[[ LISTED ENTRIES open ]]

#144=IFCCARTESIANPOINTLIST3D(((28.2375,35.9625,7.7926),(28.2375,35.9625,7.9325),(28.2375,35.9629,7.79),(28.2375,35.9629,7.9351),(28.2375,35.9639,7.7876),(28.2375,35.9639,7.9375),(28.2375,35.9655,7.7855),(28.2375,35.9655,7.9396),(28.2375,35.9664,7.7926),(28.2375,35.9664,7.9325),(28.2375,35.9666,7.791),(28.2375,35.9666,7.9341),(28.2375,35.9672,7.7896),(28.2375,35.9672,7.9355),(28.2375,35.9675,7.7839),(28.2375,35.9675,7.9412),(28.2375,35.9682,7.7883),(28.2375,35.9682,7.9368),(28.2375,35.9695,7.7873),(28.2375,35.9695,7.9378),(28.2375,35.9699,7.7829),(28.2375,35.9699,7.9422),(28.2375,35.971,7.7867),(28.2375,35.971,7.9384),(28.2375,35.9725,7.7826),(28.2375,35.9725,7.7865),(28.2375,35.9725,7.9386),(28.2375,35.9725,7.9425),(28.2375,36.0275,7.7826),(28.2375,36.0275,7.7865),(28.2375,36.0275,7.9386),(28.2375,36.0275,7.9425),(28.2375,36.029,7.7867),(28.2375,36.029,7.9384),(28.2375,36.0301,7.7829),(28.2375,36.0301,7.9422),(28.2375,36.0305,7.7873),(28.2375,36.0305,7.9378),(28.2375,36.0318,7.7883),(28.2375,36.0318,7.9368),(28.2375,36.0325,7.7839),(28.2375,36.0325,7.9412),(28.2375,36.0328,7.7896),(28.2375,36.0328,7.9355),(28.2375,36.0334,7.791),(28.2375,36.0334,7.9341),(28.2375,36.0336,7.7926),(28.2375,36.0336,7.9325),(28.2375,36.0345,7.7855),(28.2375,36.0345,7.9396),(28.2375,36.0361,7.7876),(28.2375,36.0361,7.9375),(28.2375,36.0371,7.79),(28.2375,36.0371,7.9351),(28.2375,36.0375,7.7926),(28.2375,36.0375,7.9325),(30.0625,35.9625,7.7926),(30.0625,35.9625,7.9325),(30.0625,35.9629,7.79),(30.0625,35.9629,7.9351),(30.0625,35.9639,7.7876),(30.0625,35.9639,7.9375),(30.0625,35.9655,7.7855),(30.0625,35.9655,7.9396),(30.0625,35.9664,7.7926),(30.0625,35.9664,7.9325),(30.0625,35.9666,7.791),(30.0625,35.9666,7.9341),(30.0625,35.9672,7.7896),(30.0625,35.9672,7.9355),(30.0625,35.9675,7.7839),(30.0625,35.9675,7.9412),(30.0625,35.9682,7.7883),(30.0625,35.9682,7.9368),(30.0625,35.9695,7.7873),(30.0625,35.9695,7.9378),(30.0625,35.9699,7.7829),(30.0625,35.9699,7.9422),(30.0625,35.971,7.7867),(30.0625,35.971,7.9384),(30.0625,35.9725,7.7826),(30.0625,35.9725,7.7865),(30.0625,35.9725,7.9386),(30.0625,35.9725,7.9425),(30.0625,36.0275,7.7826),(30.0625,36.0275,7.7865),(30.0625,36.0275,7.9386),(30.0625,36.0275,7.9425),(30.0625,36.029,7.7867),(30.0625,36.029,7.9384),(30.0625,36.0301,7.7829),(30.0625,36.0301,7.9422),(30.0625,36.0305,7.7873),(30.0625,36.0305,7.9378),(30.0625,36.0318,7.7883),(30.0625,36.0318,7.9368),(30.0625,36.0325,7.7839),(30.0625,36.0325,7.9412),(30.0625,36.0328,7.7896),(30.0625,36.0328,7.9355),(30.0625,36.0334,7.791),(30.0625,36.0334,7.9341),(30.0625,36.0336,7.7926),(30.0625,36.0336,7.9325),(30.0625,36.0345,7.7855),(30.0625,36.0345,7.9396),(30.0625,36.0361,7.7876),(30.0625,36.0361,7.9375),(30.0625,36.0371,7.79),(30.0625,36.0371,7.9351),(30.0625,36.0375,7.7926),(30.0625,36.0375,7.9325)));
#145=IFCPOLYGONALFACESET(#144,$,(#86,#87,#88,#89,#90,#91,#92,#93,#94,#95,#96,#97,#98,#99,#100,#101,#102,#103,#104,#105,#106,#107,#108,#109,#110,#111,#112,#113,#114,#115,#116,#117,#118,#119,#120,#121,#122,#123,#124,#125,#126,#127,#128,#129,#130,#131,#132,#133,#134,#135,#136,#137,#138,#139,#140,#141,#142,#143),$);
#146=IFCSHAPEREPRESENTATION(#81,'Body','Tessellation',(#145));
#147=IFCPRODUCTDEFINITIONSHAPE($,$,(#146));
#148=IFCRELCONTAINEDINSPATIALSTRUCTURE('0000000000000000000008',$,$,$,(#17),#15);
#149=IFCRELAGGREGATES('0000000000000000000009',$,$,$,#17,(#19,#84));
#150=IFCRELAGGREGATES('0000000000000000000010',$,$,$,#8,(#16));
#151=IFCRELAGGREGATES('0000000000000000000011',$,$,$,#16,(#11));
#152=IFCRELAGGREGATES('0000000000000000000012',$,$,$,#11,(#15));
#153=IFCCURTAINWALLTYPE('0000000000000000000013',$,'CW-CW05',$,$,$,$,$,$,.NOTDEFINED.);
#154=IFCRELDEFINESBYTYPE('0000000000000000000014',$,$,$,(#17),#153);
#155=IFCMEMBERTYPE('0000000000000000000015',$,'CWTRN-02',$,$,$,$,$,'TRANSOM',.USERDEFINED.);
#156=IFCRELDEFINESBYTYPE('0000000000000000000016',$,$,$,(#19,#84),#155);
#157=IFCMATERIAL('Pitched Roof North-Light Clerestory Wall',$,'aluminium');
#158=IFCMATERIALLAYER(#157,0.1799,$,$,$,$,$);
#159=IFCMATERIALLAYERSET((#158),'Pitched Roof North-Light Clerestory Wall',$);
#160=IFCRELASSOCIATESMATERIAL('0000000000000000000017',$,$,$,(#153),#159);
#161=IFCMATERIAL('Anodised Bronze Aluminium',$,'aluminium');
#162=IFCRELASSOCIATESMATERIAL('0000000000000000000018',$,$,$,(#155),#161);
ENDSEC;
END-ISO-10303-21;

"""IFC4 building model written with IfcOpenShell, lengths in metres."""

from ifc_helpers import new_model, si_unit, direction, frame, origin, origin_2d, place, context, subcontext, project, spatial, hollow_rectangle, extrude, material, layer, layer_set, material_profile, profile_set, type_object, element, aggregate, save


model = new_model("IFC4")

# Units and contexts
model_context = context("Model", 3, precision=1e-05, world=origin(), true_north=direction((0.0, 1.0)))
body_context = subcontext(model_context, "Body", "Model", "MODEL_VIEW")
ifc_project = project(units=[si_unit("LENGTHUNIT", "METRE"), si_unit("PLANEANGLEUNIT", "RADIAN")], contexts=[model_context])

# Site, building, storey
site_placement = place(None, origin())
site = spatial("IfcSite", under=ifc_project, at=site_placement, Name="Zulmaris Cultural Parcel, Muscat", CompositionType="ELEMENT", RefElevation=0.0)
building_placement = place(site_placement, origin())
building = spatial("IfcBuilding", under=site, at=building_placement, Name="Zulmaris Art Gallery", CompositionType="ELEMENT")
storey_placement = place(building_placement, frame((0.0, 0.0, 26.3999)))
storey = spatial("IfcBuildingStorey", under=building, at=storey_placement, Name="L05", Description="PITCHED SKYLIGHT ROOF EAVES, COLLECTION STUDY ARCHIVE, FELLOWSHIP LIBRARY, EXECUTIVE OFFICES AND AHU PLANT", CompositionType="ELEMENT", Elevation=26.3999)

[[ LISTED ENTRIES closed ]]
[[ LISTED ENTRIES open ]]

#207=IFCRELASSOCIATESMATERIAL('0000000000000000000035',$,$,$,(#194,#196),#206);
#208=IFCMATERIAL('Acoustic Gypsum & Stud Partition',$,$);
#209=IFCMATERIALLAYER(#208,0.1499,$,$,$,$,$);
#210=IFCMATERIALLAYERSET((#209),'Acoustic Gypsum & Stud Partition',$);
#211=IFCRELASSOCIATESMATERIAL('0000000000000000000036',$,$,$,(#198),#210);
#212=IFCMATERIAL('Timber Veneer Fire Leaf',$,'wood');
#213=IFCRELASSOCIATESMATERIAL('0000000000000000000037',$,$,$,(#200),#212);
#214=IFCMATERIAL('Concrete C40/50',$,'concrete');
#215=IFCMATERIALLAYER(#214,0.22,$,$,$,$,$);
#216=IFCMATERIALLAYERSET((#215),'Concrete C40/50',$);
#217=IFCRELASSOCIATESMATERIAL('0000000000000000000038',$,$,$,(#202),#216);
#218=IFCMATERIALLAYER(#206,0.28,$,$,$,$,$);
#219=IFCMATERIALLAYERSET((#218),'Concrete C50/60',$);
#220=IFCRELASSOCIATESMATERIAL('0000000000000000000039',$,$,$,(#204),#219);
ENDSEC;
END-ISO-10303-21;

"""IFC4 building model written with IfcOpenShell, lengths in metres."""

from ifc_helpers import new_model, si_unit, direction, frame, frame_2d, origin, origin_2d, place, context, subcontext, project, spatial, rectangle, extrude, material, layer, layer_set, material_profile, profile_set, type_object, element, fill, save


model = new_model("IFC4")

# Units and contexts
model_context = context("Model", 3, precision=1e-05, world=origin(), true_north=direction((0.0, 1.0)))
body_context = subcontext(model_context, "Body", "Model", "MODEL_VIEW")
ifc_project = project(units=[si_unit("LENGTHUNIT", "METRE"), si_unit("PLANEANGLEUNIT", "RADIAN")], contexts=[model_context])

[[ LISTED ENTRIES closed ]]
[[ LISTED ENTRIES open ]]

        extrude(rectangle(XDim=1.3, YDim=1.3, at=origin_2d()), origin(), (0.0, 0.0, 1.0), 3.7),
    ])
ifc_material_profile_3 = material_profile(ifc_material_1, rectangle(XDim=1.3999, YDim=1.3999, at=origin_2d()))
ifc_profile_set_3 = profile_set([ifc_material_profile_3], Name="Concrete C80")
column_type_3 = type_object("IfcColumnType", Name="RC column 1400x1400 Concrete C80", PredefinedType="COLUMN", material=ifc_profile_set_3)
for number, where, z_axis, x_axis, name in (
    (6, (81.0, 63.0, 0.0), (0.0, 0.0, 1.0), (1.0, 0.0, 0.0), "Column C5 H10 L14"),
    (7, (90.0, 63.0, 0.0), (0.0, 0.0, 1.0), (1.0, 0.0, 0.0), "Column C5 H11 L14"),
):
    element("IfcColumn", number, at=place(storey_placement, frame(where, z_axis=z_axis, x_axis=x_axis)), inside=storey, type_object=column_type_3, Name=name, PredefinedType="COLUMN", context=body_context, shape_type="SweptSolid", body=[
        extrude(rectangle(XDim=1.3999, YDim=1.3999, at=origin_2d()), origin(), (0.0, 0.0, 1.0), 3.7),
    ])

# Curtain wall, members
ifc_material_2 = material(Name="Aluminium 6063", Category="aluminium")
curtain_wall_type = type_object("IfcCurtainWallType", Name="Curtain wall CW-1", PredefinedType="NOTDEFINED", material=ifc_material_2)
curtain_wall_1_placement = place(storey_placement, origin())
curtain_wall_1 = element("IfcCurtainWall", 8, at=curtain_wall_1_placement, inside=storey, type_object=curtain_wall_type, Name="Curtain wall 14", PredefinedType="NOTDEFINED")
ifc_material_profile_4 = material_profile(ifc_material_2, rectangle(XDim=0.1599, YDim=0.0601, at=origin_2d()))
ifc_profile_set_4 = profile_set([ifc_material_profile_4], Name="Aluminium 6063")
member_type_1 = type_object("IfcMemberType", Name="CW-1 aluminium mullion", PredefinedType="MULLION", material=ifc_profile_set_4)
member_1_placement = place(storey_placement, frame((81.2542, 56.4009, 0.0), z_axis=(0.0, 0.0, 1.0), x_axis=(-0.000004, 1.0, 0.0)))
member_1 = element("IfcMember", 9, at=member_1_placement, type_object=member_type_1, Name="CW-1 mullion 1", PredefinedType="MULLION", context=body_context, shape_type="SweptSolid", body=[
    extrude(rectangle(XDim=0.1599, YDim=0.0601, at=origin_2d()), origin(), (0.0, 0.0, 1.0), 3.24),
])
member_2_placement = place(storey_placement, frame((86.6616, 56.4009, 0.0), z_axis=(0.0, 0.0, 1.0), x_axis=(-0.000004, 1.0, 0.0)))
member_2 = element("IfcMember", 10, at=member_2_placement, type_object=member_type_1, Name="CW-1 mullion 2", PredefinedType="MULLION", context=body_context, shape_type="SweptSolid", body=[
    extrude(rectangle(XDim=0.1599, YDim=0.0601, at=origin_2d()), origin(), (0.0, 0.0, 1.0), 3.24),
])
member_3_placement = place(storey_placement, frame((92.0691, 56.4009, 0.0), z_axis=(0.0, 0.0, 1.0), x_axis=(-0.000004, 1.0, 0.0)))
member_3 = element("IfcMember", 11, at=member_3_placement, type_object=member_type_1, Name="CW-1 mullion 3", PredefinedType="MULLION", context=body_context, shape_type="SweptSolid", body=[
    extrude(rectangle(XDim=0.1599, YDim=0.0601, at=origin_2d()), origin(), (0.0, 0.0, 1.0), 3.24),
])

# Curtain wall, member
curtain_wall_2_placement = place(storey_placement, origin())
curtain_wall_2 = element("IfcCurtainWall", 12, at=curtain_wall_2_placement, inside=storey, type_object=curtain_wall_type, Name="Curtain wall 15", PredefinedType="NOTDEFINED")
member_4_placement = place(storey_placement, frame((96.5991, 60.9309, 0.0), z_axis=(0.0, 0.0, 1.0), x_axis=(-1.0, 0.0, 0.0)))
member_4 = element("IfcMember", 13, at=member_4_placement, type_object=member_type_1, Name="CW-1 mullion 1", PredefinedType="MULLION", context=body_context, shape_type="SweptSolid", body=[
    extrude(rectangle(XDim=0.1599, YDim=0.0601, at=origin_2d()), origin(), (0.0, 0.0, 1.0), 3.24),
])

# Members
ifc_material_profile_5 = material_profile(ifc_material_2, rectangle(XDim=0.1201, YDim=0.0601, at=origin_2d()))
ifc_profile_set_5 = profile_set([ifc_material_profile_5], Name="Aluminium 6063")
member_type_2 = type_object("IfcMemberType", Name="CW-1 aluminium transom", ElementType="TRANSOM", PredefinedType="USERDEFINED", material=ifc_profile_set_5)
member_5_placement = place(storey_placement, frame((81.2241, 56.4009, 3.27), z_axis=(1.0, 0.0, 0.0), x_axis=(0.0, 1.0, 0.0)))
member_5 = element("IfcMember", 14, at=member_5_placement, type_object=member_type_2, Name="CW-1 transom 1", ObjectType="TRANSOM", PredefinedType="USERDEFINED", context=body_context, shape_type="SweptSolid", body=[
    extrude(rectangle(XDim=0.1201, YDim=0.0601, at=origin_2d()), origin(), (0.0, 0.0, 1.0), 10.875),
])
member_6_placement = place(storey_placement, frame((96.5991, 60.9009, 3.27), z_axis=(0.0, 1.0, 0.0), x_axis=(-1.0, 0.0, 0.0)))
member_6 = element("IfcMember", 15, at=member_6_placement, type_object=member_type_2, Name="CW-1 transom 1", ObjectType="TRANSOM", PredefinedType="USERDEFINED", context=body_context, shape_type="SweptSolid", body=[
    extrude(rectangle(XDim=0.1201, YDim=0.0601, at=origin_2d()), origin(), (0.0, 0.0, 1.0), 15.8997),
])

[[ LISTED ENTRIES closed ]]

Tell how many lines of the listing contain the string "MULLION", giving the number without any other words.

5